=== Begin Enclosure ===

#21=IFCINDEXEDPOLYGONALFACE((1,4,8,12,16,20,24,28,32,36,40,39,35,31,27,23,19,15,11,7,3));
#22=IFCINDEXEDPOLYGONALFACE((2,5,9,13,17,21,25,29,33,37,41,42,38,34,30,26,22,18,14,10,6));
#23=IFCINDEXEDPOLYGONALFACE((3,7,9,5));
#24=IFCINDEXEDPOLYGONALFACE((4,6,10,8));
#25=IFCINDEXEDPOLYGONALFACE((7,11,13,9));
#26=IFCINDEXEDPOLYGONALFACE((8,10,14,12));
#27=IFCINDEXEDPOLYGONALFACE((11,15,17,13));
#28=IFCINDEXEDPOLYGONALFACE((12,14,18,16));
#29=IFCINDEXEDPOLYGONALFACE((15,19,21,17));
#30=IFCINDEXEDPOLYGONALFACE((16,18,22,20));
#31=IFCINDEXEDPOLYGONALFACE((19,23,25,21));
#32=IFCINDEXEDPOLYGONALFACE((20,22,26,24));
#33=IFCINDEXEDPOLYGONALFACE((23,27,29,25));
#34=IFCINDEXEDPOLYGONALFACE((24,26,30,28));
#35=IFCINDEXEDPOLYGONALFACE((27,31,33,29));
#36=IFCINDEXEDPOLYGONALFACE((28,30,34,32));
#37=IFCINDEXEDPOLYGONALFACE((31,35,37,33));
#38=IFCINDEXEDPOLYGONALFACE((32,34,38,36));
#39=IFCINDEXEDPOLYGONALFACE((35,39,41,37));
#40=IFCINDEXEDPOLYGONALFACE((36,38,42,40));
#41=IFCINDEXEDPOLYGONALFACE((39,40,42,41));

=== End Enclosure ===
=== Begin Enclosure ===

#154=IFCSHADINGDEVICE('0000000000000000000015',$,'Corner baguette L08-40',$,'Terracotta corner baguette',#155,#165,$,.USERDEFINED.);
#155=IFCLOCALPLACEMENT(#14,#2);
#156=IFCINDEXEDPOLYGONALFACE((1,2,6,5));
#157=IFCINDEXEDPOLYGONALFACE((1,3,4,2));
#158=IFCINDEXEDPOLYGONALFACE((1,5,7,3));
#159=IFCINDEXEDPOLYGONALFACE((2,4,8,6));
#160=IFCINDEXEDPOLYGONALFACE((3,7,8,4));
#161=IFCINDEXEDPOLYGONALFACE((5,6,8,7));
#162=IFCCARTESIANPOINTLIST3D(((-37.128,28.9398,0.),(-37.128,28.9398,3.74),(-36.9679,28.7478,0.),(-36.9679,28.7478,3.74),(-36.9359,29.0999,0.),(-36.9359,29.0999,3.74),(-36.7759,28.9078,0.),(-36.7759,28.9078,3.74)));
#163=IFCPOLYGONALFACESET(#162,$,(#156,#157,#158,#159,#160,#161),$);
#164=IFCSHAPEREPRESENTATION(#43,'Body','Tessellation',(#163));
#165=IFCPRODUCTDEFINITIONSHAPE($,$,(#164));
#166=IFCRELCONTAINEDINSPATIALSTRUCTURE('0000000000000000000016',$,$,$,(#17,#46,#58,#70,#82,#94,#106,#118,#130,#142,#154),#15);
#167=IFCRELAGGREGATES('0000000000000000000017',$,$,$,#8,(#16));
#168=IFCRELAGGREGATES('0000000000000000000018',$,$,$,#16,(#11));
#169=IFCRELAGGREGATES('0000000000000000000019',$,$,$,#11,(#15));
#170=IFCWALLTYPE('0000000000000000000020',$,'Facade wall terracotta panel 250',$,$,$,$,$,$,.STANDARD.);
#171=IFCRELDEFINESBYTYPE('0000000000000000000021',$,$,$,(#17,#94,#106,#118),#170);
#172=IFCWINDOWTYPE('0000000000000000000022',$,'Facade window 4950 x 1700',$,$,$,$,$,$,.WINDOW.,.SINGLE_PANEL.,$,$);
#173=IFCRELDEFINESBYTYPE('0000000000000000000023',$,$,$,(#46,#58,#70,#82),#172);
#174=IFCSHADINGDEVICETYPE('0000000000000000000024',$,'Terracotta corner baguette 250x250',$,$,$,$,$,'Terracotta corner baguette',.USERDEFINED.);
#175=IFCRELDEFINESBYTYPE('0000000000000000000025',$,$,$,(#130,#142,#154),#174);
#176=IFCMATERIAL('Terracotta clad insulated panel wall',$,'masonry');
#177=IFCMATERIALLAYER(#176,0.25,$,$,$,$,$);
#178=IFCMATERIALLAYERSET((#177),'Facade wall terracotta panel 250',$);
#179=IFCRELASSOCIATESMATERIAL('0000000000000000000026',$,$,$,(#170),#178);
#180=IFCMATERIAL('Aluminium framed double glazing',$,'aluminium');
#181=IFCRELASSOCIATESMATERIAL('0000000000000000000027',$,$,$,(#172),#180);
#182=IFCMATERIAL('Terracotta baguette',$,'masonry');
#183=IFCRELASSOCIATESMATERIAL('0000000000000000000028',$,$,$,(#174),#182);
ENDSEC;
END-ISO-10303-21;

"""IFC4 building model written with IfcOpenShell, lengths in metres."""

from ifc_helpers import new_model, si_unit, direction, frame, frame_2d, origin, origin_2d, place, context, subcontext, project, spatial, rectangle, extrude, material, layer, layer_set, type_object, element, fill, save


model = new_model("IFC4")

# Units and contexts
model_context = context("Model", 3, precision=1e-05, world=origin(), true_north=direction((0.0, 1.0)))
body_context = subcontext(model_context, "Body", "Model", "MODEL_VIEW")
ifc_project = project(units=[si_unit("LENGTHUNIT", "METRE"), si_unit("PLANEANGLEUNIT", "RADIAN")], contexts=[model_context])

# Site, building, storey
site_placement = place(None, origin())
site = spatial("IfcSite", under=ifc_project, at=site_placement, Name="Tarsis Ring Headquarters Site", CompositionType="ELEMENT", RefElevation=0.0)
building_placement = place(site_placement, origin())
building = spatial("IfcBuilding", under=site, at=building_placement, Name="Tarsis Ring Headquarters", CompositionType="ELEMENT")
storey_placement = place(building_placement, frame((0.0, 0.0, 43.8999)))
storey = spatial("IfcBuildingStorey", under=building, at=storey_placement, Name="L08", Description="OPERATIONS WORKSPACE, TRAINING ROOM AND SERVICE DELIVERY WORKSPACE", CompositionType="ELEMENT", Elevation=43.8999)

=== End Enclosure ===

**WHAT YOU WILL DO**
Look back at the entries above and repeat, unchanged, every line from the line holding "#34=IFCINDEXEDPOLYGONALFACE((24,26,30,28));" through the line holding "#41=IFCINDEXEDPOLYGONALFACE((39,40,42,41));".

**WRITTEN SOLUTION**
#34=IFCINDEXEDPOLYGONALFACE((24,26,30,28));
#35=IFCINDEXEDPOLYGONALFACE((27,31,33,29));
#36=IFCINDEXEDPOLYGONALFACE((28,30,34,32));
#37=IFCINDEXEDPOLYGONALFACE((31,35,37,33));
#38=IFCINDEXEDPOLYGONALFACE((32,34,38,36));
#39=IFCINDEXEDPOLYGONALFACE((35,39,41,37));
#40=IFCINDEXEDPOLYGONALFACE((36,38,42,40));
#41=IFCINDEXEDPOLYGONALFACE((39,40,42,41));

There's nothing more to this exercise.